● **Instructions to follow**
Scan the records below for the string "HOTEL" and return every line where it appears.

(Collected data)
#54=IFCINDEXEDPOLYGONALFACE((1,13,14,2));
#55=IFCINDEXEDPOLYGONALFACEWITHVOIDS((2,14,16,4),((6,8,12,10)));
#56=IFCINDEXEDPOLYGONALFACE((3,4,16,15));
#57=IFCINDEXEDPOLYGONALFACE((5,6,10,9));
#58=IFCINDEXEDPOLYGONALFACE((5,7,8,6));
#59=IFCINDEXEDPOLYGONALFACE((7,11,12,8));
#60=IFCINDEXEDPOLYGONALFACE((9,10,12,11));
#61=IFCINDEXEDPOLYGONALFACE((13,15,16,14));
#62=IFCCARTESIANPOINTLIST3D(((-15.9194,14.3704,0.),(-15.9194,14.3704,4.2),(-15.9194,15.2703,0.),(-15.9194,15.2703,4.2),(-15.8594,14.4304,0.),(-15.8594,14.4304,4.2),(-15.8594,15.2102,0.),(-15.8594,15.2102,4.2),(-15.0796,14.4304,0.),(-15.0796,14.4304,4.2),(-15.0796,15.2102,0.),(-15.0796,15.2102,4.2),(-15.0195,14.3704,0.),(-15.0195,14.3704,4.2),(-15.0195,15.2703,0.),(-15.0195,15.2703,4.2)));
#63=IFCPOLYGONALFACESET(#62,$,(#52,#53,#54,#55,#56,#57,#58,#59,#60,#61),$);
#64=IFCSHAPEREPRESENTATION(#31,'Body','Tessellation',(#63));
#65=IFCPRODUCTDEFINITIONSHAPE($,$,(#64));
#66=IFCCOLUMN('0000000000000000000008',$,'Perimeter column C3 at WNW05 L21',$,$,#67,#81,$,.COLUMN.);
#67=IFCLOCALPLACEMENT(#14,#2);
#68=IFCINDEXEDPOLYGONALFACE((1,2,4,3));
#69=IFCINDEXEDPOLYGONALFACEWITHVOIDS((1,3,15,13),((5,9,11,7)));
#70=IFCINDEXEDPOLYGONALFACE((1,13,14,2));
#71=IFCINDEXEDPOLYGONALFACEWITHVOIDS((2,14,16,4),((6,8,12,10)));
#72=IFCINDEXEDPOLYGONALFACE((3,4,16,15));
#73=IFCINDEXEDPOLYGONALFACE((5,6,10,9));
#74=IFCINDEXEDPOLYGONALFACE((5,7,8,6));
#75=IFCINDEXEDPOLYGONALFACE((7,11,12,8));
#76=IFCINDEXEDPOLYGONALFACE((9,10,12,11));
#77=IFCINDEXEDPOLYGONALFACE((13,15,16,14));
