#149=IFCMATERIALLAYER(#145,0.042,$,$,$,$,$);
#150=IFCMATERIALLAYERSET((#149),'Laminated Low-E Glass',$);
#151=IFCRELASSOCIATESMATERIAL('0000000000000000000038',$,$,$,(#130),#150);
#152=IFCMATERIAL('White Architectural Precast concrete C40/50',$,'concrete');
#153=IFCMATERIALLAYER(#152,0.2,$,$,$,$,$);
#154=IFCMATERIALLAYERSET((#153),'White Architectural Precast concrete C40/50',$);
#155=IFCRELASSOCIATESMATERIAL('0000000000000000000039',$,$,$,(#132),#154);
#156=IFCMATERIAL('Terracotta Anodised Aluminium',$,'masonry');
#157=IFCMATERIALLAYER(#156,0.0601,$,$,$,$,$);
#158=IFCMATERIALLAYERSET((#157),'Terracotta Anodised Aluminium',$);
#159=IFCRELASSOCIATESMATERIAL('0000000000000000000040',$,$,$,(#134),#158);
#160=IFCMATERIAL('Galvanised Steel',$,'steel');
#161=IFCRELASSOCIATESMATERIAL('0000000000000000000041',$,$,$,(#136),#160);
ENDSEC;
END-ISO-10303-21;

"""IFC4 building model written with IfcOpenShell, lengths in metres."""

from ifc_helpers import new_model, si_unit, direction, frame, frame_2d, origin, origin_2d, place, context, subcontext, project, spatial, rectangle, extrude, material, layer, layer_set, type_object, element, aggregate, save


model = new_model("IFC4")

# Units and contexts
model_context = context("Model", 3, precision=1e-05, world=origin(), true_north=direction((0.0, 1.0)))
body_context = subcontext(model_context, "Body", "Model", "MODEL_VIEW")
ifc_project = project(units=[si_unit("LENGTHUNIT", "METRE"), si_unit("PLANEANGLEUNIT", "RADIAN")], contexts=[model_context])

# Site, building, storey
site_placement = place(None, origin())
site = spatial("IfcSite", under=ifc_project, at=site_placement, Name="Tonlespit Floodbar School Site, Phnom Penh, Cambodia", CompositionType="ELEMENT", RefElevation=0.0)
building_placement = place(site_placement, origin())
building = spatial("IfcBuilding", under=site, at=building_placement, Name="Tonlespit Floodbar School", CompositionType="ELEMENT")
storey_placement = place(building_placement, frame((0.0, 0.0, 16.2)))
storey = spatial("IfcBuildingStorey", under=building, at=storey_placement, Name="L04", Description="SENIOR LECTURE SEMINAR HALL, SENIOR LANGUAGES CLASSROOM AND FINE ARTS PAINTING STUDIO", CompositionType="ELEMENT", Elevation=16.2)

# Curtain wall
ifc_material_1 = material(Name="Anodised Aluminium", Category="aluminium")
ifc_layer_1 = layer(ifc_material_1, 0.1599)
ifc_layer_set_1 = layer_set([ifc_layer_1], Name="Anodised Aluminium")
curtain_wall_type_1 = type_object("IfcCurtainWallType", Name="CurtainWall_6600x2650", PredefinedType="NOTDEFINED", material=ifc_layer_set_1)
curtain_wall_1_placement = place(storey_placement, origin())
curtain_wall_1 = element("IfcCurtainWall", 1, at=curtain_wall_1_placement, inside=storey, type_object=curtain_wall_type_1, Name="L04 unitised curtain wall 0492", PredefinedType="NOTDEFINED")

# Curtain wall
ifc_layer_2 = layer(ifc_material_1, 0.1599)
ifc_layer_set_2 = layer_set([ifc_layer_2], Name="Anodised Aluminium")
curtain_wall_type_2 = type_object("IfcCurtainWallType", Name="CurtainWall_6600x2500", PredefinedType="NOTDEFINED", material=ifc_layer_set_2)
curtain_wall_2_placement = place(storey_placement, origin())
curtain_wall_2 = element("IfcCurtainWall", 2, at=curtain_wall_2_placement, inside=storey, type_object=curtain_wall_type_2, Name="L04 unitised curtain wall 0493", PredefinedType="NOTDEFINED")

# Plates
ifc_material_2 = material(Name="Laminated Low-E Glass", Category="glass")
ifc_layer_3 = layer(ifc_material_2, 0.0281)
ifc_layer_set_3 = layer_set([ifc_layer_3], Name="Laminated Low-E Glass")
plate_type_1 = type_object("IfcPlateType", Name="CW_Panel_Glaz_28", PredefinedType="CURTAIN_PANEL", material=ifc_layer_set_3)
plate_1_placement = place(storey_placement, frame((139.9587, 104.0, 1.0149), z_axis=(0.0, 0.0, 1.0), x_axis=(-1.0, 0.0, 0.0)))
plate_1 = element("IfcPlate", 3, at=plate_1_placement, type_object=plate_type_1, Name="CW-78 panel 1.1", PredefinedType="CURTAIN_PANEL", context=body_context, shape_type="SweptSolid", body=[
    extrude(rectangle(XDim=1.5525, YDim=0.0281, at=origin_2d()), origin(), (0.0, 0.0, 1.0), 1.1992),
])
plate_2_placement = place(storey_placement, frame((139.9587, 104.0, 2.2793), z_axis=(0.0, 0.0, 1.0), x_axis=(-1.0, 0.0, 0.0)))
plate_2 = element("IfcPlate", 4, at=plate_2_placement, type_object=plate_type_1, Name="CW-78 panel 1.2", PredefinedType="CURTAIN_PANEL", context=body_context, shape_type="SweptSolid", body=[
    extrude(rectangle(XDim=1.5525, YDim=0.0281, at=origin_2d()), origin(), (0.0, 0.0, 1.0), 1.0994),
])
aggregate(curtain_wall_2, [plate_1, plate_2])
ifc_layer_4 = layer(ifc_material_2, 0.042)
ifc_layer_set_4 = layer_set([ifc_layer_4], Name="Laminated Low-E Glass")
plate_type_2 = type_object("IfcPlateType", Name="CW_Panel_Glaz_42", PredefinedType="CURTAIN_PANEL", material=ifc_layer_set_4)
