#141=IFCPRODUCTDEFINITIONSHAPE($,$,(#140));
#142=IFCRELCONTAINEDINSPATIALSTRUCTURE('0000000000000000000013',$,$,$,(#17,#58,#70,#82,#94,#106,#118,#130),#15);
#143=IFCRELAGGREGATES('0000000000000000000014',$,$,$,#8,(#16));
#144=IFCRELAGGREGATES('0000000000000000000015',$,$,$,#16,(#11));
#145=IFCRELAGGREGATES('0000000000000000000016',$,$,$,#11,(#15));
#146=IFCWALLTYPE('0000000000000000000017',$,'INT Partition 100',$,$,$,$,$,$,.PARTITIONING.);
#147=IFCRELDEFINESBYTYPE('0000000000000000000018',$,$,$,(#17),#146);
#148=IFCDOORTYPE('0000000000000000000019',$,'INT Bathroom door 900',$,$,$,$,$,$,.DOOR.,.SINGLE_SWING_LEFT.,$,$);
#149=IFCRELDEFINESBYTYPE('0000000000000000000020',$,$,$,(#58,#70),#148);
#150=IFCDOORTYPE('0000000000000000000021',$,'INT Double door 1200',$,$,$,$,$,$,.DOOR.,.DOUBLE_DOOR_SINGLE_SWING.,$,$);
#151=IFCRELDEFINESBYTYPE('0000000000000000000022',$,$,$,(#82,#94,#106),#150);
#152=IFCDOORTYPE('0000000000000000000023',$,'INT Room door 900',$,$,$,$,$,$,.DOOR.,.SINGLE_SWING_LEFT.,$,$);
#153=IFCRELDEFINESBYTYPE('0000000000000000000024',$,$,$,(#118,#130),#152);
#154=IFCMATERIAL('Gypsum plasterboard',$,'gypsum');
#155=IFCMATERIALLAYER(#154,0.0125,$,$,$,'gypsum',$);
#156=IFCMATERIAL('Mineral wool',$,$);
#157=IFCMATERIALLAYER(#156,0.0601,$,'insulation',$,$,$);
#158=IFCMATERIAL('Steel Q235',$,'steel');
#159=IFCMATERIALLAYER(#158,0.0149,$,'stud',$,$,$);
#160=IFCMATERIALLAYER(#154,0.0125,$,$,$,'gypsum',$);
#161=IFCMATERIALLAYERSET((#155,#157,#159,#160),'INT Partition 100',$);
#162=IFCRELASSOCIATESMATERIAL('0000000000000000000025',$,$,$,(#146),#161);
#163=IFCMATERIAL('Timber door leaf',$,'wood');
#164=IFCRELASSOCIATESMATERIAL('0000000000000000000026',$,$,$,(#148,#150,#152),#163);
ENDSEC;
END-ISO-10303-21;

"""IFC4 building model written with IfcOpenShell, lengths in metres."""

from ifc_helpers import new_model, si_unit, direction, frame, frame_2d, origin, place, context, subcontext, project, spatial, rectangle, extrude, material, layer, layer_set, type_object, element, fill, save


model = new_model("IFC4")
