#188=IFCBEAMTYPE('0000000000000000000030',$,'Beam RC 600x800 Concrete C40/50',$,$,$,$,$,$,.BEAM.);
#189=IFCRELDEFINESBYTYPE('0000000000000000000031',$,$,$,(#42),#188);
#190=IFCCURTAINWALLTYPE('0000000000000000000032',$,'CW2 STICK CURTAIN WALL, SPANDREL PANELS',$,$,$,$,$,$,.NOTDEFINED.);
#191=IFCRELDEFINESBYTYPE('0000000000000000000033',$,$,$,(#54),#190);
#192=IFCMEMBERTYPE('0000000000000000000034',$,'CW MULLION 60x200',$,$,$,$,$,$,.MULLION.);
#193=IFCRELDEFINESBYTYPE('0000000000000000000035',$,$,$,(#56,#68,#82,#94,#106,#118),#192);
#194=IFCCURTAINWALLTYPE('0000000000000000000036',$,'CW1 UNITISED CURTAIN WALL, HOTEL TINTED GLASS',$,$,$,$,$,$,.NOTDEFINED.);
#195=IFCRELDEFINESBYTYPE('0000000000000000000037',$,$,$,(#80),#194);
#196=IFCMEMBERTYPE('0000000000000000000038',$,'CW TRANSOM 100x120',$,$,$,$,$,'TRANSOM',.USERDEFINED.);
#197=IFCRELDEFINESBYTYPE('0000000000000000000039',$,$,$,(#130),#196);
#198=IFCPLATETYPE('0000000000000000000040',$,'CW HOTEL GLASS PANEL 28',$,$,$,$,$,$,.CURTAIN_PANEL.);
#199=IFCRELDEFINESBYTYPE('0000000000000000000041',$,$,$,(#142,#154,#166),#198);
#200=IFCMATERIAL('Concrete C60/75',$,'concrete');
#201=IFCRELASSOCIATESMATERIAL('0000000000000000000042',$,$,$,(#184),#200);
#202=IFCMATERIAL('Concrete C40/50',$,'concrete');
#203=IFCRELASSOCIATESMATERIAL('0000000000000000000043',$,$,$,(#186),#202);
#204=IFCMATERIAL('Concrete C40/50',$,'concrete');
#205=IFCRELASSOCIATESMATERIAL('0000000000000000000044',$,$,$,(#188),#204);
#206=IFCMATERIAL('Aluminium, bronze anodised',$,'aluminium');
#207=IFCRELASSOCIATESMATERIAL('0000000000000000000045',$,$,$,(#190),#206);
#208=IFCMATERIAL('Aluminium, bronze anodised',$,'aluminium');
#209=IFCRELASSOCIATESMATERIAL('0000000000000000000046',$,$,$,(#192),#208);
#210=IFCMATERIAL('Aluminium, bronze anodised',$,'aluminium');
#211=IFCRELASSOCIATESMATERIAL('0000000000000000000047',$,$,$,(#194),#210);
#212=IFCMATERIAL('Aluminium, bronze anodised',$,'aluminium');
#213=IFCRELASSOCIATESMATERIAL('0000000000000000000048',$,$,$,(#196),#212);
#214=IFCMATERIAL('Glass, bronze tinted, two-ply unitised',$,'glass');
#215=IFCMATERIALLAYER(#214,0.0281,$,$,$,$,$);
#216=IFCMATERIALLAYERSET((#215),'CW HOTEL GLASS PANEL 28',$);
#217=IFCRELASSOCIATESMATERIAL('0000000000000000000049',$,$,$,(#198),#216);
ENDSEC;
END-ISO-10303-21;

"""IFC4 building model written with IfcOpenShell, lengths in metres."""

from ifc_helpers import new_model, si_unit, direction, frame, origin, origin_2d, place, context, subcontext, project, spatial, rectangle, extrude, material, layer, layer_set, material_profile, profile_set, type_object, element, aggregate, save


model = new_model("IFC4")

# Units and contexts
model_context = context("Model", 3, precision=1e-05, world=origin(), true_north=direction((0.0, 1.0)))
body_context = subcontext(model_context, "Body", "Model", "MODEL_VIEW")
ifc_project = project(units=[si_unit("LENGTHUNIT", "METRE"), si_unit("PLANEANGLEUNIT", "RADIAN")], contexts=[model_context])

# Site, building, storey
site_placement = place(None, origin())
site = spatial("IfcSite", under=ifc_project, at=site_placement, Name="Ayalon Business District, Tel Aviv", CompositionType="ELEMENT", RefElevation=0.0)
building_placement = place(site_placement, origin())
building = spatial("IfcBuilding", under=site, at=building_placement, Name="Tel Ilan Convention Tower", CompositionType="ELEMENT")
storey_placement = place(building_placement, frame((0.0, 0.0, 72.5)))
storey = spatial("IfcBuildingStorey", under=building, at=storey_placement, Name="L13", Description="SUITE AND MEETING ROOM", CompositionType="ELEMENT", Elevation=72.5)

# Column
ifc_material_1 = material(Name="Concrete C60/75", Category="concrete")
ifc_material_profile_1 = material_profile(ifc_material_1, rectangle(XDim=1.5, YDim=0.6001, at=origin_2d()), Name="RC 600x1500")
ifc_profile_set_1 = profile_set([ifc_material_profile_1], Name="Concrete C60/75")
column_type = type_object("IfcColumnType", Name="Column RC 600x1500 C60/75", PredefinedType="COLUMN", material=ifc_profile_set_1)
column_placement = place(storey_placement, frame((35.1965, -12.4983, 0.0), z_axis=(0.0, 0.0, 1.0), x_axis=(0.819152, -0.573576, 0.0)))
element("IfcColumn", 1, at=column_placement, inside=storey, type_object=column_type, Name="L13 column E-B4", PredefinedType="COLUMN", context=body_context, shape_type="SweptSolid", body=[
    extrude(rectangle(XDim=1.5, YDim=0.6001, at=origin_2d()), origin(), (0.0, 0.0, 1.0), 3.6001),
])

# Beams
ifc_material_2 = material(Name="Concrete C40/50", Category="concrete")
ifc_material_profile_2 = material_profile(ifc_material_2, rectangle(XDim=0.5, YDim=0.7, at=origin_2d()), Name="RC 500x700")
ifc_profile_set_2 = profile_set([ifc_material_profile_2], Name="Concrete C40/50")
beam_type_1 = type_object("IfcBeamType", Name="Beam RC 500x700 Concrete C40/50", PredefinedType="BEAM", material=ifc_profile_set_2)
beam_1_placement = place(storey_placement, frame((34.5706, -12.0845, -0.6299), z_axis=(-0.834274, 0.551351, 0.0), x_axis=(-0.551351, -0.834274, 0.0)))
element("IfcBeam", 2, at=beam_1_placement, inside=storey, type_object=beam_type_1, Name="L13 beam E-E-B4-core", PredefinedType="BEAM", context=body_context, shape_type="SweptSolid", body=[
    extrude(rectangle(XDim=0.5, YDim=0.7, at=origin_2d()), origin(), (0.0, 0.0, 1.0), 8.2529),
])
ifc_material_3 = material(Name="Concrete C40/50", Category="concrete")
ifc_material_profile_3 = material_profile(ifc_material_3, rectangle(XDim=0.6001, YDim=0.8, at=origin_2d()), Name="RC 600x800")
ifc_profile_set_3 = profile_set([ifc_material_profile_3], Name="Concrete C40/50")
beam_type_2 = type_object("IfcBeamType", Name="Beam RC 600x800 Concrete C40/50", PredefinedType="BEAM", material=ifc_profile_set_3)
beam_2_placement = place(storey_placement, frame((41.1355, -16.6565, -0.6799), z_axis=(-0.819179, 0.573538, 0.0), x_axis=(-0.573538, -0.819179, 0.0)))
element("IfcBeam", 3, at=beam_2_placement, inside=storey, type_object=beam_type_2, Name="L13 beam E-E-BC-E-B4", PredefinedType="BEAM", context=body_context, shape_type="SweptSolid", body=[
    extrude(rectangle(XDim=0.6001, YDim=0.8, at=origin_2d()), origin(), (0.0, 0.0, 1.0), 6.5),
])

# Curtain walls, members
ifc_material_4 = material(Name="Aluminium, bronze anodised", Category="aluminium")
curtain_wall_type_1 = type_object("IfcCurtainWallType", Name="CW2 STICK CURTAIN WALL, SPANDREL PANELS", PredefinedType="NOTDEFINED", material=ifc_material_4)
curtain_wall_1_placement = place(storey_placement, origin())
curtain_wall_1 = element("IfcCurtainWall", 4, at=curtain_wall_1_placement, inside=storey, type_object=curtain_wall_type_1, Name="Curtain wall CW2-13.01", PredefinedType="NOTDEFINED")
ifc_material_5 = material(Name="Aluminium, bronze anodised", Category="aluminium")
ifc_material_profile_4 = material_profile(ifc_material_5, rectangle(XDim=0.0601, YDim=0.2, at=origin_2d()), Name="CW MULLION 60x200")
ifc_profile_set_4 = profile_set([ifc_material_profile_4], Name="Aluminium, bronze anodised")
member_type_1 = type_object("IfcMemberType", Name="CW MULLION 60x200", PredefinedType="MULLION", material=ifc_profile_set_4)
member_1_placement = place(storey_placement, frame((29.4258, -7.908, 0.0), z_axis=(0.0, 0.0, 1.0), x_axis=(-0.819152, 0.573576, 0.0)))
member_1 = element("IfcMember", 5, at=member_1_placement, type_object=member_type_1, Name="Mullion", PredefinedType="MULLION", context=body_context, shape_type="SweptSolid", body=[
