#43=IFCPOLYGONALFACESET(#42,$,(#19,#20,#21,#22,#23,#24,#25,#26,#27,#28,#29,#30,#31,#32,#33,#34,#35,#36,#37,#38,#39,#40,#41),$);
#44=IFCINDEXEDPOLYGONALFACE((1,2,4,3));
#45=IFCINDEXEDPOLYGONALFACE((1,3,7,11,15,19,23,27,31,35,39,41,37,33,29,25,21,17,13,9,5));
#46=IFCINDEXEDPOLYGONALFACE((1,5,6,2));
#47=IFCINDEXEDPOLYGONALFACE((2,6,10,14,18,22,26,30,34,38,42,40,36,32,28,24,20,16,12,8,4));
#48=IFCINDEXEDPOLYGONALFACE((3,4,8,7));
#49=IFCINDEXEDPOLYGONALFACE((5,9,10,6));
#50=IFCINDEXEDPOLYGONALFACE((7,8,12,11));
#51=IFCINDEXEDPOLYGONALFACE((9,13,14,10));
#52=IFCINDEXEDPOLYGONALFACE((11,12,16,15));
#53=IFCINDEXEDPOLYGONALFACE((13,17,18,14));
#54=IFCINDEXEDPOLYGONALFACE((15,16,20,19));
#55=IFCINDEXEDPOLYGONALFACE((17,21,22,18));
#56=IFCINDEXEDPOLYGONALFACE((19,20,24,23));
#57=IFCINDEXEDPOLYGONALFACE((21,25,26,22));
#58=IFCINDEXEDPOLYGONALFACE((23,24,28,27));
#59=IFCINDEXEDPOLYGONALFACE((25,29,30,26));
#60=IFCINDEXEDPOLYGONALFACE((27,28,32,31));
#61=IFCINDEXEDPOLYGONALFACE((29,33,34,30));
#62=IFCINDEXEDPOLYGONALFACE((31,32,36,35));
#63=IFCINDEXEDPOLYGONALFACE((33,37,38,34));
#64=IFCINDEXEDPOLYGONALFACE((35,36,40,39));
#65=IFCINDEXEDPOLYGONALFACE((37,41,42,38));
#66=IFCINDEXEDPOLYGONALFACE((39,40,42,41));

● **Completed exercise**
#194=IFCCURTAINWALLTYPE('0000000000000000000036',$,'CW1 UNITISED CURTAIN WALL, HOTEL TINTED GLASS',$,$,$,$,$,$,.NOTDEFINED.);
#198=IFCPLATETYPE('0000000000000000000040',$,'CW HOTEL GLASS PANEL 28',$,$,$,$,$,$,.CURTAIN_PANEL.);
#216=IFCMATERIALLAYERSET((#215),'CW HOTEL GLASS PANEL 28',$);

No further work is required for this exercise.